### Dataset extract
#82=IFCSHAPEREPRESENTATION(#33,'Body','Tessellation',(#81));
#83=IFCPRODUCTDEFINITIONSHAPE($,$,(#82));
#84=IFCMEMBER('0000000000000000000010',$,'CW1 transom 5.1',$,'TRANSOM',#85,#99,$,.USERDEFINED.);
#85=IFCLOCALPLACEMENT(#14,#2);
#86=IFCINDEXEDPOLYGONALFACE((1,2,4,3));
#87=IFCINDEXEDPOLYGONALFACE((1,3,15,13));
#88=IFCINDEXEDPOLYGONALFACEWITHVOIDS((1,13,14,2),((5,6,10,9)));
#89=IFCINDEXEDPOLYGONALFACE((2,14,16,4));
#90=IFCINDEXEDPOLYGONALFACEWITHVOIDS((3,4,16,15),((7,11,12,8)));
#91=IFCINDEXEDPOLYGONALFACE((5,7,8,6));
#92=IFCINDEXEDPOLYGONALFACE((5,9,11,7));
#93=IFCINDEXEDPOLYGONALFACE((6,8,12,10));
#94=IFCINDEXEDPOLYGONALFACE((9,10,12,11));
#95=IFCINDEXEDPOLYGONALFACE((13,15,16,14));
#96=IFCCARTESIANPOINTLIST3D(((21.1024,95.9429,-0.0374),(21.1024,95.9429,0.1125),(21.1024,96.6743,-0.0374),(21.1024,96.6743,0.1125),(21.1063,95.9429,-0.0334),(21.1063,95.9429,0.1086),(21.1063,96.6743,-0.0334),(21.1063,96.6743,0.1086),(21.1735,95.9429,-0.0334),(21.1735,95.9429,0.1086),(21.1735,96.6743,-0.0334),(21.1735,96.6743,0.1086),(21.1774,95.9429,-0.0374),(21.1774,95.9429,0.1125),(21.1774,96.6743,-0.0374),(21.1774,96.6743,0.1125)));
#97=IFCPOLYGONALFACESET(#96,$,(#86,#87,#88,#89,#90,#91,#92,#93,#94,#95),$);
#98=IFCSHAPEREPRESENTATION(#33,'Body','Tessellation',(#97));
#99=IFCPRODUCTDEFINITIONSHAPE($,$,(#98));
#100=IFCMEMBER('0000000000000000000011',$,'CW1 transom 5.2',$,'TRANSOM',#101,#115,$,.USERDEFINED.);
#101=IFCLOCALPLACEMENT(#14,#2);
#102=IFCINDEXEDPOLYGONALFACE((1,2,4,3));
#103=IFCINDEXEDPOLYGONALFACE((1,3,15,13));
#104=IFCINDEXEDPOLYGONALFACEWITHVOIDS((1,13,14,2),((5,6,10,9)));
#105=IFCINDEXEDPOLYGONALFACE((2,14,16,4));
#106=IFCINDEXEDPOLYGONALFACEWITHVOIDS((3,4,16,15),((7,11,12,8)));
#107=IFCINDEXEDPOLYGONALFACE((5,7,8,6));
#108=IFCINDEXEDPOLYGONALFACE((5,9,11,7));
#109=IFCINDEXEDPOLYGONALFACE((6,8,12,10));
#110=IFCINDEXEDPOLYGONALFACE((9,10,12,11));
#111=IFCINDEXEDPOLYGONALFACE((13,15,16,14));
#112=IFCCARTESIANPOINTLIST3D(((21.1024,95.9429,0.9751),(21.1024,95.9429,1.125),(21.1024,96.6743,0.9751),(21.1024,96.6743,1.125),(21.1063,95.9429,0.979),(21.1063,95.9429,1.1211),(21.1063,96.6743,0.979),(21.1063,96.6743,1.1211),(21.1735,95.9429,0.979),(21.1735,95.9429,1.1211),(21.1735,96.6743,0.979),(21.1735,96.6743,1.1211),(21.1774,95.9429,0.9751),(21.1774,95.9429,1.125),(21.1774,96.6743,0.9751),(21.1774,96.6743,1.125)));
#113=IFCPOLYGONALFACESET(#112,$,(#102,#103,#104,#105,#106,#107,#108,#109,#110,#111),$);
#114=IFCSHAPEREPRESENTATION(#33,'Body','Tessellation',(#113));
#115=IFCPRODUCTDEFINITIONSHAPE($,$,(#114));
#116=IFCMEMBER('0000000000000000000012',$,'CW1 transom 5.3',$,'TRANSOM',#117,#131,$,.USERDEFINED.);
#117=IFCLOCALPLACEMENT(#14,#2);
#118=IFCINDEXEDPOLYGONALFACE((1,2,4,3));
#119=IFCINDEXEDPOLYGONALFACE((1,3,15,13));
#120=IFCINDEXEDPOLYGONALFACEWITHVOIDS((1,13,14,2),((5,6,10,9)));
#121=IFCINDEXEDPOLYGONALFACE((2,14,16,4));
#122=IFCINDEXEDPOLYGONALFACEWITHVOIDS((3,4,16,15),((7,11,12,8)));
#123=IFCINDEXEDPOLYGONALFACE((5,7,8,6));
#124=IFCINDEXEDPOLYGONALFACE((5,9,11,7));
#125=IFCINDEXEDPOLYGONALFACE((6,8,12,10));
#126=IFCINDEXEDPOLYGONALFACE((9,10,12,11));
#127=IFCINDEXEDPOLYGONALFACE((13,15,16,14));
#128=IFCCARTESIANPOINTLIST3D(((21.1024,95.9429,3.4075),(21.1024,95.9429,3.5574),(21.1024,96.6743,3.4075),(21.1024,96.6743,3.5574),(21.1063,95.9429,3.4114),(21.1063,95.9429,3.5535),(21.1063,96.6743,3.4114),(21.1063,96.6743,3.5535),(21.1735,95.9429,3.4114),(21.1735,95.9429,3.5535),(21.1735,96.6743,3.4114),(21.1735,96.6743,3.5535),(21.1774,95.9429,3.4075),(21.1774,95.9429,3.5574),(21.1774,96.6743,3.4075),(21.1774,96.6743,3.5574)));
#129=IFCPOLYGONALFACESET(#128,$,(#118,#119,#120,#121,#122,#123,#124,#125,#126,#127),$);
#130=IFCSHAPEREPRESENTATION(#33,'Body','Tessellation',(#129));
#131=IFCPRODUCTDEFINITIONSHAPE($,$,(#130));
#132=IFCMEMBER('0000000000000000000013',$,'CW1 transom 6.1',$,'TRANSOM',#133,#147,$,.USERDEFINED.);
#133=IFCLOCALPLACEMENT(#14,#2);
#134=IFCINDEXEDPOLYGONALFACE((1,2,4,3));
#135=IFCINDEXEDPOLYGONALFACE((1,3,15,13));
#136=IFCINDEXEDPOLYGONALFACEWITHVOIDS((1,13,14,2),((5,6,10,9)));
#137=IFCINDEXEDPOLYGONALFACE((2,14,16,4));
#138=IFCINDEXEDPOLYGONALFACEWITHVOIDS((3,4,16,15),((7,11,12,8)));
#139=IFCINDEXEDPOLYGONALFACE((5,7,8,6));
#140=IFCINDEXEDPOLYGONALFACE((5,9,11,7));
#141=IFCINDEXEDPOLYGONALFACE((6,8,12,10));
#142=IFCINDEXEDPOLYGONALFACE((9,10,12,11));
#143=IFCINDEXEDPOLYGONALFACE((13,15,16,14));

--

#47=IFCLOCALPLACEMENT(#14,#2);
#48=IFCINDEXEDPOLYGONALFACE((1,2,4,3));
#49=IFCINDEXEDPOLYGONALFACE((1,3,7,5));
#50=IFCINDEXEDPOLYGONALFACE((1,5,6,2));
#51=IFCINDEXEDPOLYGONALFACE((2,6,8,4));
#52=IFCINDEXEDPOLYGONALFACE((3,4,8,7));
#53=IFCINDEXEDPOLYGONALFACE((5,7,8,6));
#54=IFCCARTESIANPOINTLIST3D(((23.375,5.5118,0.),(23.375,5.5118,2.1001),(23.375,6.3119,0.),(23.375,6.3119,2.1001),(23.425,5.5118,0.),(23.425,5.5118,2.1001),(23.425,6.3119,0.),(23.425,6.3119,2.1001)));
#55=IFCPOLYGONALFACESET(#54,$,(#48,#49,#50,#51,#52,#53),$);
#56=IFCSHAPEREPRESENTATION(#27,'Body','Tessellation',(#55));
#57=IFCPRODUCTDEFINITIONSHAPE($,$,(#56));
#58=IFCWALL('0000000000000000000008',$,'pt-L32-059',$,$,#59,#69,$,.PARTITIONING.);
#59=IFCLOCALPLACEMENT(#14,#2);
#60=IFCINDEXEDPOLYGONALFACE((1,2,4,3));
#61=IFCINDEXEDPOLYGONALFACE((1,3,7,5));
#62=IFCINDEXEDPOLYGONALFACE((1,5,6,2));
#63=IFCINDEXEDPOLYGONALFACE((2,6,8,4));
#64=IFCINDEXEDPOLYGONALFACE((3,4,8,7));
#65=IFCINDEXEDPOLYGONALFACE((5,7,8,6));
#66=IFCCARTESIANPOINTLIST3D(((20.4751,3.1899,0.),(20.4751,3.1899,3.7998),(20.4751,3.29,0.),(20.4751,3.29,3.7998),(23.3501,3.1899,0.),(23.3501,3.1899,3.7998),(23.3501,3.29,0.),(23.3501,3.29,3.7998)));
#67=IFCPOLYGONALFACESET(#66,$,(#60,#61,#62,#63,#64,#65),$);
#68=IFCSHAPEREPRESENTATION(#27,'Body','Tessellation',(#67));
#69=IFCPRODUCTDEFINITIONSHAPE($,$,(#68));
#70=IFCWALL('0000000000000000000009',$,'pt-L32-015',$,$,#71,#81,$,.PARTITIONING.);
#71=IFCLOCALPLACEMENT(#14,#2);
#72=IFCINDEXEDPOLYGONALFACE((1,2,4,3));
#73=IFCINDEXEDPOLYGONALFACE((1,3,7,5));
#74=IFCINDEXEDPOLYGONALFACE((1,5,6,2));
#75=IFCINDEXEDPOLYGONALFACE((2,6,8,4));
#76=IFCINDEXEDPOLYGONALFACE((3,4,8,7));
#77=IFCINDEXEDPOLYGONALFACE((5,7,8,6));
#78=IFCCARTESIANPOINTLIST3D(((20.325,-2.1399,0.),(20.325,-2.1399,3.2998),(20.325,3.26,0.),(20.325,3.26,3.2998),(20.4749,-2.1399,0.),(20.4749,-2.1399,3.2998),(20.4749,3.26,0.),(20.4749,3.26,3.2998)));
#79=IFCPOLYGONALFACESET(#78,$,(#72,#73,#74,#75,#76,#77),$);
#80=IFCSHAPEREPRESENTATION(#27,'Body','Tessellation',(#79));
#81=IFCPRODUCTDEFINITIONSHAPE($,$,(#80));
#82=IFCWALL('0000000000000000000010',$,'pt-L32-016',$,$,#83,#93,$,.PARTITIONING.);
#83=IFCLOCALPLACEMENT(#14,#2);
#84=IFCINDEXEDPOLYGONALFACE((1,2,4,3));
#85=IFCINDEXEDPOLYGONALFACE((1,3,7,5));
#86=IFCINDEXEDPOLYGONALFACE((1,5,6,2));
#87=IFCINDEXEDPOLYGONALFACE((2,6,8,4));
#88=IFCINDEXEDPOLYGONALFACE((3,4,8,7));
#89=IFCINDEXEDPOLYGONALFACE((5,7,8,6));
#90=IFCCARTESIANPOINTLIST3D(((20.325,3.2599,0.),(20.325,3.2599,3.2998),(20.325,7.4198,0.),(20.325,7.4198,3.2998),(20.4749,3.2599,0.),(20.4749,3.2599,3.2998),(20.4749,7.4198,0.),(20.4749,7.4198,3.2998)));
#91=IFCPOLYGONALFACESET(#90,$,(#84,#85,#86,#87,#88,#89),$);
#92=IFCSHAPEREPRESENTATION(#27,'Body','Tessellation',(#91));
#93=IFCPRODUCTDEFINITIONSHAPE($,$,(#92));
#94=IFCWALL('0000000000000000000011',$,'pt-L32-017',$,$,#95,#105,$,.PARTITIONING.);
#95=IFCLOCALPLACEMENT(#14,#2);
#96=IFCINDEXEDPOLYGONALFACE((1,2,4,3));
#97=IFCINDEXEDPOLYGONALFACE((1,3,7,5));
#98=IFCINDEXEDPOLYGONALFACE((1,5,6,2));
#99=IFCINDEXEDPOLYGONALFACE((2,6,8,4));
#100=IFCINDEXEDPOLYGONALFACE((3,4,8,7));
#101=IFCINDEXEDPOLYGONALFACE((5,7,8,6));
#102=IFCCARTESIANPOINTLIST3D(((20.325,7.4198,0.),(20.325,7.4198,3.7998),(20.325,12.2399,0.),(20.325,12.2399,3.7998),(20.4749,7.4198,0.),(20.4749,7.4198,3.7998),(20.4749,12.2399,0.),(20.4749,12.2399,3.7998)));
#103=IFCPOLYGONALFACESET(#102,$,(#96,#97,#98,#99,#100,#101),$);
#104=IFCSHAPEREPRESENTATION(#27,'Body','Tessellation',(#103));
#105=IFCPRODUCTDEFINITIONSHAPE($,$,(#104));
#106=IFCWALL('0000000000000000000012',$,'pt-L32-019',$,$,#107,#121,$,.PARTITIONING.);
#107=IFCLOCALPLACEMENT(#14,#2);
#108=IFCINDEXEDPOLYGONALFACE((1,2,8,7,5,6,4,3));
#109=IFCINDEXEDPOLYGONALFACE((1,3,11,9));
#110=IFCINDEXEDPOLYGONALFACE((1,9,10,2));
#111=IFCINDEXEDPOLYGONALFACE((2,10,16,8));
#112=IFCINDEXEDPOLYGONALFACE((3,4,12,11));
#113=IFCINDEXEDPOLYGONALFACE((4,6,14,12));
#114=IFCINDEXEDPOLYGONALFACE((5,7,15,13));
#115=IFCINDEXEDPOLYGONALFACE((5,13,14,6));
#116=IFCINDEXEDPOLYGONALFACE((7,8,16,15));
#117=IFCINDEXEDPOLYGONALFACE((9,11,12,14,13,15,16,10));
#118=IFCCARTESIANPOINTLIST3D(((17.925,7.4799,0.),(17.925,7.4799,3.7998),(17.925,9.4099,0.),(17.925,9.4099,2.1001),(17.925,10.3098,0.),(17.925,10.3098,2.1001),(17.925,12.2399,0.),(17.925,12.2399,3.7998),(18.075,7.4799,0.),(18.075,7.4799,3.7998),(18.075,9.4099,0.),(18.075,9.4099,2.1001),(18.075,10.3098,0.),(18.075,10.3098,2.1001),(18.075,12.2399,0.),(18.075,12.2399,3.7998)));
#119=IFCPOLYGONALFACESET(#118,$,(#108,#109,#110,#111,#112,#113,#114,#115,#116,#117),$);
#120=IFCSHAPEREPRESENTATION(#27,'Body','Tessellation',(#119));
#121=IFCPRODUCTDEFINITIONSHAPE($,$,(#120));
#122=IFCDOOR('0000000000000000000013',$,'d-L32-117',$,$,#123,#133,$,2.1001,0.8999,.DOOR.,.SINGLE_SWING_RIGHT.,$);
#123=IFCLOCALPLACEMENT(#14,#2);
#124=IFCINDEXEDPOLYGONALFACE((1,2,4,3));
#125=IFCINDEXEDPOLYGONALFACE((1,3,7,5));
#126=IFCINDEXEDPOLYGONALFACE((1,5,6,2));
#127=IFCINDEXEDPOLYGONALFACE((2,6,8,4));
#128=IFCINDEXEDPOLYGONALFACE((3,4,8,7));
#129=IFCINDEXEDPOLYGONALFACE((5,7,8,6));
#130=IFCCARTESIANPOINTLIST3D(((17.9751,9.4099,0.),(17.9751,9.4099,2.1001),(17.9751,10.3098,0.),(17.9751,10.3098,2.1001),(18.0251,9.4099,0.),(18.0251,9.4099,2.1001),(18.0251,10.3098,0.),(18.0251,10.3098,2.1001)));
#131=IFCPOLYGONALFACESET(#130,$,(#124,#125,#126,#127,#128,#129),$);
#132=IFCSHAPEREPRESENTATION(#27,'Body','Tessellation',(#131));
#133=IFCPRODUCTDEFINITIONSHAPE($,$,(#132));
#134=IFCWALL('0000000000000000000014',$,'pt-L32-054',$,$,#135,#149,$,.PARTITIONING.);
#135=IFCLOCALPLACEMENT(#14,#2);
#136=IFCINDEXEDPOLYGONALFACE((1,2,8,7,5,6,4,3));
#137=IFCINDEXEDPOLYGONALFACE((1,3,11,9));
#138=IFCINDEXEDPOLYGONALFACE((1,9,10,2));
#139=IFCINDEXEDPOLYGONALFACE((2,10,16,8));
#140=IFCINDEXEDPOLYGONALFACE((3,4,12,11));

### Work to complete
From the data above, return every line from the line that has "#88=IFCINDEXEDPOLYGONALFACE((3,4,8,7));" up to and including the line that has "#101=IFCINDEXEDPOLYGONALFACE((5,7,8,6));", exactly.

### Result for this exercise
#88=IFCINDEXEDPOLYGONALFACE((3,4,8,7));
#89=IFCINDEXEDPOLYGONALFACE((5,7,8,6));
#90=IFCCARTESIANPOINTLIST3D(((20.325,3.2599,0.),(20.325,3.2599,3.2998),(20.325,7.4198,0.),(20.325,7.4198,3.2998),(20.4749,3.2599,0.),(20.4749,3.2599,3.2998),(20.4749,7.4198,0.),(20.4749,7.4198,3.2998)));
#91=IFCPOLYGONALFACESET(#90,$,(#84,#85,#86,#87,#88,#89),$);
#92=IFCSHAPEREPRESENTATION(#27,'Body','Tessellation',(#91));
#93=IFCPRODUCTDEFINITIONSHAPE($,$,(#92));
#94=IFCWALL('0000000000000000000011',$,'pt-L32-017',$,$,#95,#105,$,.PARTITIONING.);
#95=IFCLOCALPLACEMENT(#14,#2);
#96=IFCINDEXEDPOLYGONALFACE((1,2,4,3));
#97=IFCINDEXEDPOLYGONALFACE((1,3,7,5));
#98=IFCINDEXEDPOLYGONALFACE((1,5,6,2));
#99=IFCINDEXEDPOLYGONALFACE((2,6,8,4));
#100=IFCINDEXEDPOLYGONALFACE((3,4,8,7));
#101=IFCINDEXEDPOLYGONALFACE((5,7,8,6));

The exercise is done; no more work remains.